Given records START

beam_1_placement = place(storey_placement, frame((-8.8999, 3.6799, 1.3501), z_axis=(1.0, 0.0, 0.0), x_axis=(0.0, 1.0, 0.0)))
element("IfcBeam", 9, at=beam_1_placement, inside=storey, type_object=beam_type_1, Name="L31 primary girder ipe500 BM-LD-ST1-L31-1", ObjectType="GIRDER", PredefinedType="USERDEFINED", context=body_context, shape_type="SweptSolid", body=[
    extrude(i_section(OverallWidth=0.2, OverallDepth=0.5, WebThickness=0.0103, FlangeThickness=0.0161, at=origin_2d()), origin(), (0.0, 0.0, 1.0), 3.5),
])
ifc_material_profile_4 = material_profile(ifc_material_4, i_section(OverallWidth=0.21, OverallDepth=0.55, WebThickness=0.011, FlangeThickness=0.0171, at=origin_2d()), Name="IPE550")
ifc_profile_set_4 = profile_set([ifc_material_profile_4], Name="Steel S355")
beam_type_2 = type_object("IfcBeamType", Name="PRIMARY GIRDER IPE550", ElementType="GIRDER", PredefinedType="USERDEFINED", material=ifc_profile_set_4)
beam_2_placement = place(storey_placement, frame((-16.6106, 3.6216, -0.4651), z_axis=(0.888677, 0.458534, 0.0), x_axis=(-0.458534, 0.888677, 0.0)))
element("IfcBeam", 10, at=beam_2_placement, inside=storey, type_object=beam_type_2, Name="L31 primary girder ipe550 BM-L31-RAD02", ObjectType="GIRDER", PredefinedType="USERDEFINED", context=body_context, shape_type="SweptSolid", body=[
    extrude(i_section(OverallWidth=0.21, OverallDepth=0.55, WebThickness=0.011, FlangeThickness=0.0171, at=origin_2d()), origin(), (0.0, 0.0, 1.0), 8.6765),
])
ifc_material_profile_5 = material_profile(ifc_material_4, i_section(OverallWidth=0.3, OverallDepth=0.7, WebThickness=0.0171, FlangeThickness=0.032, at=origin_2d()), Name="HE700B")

Given records END

Return, from the material above, each line holding the string "extrude".

    extrude(i_section(OverallWidth=0.2, OverallDepth=0.5, WebThickness=0.0103, FlangeThickness=0.0161, at=origin_2d()), origin(), (0.0, 0.0, 1.0), 3.5),
    extrude(i_section(OverallWidth=0.21, OverallDepth=0.55, WebThickness=0.011, FlangeThickness=0.0171, at=origin_2d()), origin(), (0.0, 0.0, 1.0), 8.6765),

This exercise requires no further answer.